►

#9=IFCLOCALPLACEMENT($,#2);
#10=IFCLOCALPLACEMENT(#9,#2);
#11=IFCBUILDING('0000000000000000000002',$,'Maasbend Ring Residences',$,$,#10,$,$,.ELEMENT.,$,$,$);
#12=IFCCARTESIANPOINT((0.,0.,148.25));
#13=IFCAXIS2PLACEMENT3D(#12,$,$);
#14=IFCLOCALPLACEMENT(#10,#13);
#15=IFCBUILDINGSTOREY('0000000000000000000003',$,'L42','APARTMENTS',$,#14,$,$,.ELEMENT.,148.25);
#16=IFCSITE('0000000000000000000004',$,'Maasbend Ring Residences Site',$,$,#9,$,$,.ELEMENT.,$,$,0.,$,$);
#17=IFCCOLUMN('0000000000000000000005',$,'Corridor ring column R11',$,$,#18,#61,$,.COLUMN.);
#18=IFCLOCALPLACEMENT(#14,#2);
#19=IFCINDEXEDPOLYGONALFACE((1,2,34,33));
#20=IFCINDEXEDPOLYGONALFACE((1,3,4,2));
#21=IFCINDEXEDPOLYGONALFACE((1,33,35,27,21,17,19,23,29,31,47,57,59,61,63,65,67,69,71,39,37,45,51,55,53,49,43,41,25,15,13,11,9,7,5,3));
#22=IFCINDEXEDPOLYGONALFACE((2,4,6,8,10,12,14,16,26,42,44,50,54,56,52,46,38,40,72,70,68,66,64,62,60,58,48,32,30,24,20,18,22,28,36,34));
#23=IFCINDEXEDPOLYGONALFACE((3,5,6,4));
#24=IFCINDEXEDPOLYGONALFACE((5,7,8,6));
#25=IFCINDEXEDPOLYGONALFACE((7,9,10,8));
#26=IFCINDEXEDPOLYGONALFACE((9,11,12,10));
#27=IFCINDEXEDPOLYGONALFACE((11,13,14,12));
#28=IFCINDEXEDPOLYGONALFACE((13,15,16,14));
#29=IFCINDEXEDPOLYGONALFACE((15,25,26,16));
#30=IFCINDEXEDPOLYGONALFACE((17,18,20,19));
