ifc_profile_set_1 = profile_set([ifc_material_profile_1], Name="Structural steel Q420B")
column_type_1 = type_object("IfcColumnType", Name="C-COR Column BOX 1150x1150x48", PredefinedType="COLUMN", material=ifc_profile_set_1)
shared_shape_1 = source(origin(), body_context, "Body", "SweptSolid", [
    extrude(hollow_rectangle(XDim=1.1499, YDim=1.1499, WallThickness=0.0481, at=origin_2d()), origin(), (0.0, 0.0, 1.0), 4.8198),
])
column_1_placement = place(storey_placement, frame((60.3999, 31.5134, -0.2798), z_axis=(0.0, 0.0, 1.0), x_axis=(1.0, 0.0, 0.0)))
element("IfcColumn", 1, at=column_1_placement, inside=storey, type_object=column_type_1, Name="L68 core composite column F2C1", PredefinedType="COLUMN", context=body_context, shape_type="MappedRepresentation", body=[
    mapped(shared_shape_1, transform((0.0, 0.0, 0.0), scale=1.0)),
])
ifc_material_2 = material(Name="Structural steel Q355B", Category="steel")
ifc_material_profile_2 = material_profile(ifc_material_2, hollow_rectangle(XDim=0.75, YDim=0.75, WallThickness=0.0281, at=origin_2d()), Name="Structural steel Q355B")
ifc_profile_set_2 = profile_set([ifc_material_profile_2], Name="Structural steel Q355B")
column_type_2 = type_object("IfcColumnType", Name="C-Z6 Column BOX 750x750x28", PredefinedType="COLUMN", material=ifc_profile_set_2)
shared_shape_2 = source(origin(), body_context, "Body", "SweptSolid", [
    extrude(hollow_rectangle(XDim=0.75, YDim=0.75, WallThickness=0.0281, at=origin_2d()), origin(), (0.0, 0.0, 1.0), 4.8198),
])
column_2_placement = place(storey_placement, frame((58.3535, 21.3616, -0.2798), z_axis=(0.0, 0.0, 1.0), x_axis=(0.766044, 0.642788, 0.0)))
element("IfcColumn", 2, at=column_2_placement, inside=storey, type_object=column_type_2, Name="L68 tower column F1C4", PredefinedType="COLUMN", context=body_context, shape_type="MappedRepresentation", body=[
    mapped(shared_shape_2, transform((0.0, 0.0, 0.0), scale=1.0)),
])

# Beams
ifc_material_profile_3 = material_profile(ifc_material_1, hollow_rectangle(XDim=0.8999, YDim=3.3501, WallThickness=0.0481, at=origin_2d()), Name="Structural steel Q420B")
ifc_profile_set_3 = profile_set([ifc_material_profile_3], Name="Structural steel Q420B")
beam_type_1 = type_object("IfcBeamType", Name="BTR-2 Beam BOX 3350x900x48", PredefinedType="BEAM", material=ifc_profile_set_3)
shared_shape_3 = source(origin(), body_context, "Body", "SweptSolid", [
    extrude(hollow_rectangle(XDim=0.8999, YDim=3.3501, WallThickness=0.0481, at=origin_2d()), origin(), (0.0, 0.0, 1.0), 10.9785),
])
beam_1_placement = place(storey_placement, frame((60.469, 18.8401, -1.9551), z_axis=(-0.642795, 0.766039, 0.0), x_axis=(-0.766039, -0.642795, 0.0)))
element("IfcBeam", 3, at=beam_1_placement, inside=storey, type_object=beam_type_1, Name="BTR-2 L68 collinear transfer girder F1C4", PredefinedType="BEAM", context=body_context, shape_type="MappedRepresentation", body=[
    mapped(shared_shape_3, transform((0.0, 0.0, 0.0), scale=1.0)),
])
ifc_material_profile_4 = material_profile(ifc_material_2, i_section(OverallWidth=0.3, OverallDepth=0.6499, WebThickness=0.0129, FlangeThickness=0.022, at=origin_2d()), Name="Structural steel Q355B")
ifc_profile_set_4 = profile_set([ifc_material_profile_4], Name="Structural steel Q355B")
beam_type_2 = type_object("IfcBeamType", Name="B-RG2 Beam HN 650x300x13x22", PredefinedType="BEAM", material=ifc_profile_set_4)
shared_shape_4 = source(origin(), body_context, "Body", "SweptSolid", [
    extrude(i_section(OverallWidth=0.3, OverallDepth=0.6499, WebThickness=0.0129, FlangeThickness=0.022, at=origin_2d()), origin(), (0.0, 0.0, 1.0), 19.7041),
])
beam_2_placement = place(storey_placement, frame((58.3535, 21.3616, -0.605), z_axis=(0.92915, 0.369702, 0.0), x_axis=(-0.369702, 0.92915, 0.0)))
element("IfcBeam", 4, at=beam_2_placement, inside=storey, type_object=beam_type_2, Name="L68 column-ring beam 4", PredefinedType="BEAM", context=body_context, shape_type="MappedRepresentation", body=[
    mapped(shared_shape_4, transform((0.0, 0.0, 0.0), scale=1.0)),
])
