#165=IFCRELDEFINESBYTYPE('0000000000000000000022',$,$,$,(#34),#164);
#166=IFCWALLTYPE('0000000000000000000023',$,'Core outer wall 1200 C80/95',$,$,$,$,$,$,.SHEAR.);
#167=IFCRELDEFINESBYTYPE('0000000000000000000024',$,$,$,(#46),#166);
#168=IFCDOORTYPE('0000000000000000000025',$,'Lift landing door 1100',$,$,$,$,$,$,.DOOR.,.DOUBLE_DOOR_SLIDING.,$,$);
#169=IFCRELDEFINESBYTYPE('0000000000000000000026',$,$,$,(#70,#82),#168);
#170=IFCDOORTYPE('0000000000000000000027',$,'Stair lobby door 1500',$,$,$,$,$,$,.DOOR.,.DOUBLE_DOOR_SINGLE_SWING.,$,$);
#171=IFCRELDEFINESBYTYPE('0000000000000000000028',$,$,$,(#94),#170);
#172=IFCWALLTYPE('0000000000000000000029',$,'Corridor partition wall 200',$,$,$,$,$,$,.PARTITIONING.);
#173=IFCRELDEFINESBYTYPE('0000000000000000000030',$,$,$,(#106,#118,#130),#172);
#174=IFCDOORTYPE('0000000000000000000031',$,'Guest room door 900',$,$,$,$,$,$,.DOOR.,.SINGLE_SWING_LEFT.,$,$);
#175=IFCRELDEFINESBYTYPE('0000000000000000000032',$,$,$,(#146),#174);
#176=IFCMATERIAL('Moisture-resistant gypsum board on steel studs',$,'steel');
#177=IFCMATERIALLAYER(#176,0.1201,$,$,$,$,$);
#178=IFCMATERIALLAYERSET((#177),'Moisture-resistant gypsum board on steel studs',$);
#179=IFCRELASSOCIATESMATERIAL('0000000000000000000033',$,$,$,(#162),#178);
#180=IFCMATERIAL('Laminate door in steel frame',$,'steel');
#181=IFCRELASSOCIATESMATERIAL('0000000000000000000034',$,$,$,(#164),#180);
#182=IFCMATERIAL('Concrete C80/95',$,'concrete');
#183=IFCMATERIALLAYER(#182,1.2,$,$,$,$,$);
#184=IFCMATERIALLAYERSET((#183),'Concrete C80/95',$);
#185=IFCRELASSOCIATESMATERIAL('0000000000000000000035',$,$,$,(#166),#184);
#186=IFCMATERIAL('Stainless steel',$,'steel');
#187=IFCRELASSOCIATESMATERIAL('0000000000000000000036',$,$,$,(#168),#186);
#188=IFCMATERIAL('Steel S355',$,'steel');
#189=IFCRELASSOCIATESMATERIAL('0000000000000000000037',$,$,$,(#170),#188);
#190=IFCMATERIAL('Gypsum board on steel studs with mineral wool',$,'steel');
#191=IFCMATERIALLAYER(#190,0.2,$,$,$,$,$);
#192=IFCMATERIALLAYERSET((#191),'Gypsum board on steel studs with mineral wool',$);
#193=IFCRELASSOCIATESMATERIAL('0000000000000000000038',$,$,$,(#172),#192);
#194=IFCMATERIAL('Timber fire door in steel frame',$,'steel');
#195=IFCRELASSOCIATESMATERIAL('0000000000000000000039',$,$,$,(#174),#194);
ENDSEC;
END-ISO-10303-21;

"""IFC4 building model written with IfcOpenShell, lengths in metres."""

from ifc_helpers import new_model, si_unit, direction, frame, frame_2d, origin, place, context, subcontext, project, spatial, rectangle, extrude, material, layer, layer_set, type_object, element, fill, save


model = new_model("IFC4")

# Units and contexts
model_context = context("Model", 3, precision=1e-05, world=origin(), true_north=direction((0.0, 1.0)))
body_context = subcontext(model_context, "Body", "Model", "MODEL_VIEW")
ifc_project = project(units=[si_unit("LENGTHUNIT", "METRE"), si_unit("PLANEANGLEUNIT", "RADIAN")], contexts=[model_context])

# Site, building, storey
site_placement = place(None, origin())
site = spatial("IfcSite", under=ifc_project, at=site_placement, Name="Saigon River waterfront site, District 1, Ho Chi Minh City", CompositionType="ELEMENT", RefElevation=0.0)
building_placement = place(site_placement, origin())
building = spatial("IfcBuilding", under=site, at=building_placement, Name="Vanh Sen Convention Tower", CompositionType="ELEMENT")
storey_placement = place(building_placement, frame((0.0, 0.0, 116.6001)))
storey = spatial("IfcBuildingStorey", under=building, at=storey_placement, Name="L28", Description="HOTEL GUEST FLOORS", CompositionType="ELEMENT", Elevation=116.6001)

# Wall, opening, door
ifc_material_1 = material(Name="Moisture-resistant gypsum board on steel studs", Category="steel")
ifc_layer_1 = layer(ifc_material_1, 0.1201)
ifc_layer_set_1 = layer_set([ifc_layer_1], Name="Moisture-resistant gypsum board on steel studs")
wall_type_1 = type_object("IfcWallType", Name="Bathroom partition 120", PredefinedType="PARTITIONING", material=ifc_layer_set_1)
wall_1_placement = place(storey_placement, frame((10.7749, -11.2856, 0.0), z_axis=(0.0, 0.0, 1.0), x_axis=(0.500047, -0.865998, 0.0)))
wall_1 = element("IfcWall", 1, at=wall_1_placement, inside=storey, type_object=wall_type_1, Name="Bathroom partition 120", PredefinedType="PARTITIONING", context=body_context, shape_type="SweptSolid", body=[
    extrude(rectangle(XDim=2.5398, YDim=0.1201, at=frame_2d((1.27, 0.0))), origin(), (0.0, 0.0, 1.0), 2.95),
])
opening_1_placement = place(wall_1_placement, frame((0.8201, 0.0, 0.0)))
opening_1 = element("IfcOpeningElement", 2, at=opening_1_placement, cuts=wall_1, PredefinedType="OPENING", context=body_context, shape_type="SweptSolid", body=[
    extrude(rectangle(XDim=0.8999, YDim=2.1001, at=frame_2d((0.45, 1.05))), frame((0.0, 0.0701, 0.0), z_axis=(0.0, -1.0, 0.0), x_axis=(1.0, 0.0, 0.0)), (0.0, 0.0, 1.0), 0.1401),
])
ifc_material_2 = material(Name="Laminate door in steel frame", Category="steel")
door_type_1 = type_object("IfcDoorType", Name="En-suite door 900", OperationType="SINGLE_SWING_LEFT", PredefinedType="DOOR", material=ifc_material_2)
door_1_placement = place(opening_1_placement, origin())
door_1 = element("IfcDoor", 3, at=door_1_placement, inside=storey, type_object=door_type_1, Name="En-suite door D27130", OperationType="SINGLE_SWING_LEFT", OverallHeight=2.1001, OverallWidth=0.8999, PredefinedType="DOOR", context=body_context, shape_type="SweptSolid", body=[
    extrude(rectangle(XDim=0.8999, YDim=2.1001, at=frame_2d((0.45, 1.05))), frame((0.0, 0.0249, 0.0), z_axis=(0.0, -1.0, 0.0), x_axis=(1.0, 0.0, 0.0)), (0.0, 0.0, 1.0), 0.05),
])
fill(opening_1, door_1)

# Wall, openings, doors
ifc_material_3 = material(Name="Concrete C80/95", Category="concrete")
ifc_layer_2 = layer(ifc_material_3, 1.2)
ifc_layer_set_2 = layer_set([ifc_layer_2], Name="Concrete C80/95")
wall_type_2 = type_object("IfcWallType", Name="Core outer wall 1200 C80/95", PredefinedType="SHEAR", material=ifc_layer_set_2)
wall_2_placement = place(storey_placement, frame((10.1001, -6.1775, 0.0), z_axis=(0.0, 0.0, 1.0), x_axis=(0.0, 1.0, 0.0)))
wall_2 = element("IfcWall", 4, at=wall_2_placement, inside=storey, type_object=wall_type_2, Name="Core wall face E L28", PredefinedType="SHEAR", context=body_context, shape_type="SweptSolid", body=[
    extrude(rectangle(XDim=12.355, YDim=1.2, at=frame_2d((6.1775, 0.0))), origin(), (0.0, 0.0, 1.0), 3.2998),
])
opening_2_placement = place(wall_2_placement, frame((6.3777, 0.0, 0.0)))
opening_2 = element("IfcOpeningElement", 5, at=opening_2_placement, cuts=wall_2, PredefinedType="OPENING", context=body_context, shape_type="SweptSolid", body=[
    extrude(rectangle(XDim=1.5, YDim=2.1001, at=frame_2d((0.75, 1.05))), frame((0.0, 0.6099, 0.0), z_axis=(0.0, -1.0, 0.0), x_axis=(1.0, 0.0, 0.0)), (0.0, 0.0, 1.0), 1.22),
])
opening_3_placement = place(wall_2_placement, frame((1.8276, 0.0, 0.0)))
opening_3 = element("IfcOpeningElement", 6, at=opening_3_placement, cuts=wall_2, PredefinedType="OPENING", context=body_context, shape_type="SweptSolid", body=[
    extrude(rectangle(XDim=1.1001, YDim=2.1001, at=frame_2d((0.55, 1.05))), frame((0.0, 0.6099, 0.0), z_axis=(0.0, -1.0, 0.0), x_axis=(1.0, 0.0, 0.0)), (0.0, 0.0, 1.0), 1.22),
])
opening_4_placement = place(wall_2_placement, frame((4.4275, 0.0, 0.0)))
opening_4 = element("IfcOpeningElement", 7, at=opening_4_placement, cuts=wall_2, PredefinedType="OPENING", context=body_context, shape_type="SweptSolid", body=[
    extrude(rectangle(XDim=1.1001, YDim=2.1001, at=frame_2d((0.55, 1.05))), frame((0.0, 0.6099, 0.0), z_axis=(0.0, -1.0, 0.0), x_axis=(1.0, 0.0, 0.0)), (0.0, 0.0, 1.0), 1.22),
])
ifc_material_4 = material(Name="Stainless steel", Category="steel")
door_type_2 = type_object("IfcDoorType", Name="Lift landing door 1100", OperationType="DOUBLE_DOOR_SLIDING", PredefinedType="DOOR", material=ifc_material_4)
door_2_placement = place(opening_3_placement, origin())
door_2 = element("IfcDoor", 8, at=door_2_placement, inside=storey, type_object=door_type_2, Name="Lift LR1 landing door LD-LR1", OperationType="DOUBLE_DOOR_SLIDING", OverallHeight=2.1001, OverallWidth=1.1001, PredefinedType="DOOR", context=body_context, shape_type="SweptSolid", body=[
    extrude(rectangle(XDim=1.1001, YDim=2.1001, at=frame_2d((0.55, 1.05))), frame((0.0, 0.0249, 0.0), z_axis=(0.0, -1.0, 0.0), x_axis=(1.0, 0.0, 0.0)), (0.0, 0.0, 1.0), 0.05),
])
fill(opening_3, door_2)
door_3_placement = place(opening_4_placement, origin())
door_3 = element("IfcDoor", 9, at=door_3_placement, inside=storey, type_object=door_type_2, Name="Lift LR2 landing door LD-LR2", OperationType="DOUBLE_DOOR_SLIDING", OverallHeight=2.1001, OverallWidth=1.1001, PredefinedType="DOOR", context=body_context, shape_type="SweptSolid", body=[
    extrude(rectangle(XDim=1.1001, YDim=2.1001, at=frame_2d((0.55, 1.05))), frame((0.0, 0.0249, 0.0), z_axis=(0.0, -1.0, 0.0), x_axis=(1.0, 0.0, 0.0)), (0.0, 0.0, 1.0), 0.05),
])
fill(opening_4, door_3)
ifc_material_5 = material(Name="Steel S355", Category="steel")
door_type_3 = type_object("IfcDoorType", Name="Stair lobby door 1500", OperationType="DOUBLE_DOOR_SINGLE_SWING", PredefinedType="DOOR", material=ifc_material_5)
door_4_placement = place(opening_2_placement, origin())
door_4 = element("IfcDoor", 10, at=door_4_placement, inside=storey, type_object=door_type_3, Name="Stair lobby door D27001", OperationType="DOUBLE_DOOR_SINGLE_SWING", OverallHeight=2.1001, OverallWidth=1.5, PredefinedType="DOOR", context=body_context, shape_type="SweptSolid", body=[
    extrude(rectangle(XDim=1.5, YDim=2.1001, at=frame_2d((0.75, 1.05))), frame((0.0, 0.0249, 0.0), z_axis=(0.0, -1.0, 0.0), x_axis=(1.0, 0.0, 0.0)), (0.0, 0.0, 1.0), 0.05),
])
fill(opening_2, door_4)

◄

_Activity_
From the records, work out how many lines include "WallThickness" and respond with the number only.

_Exercise output_
5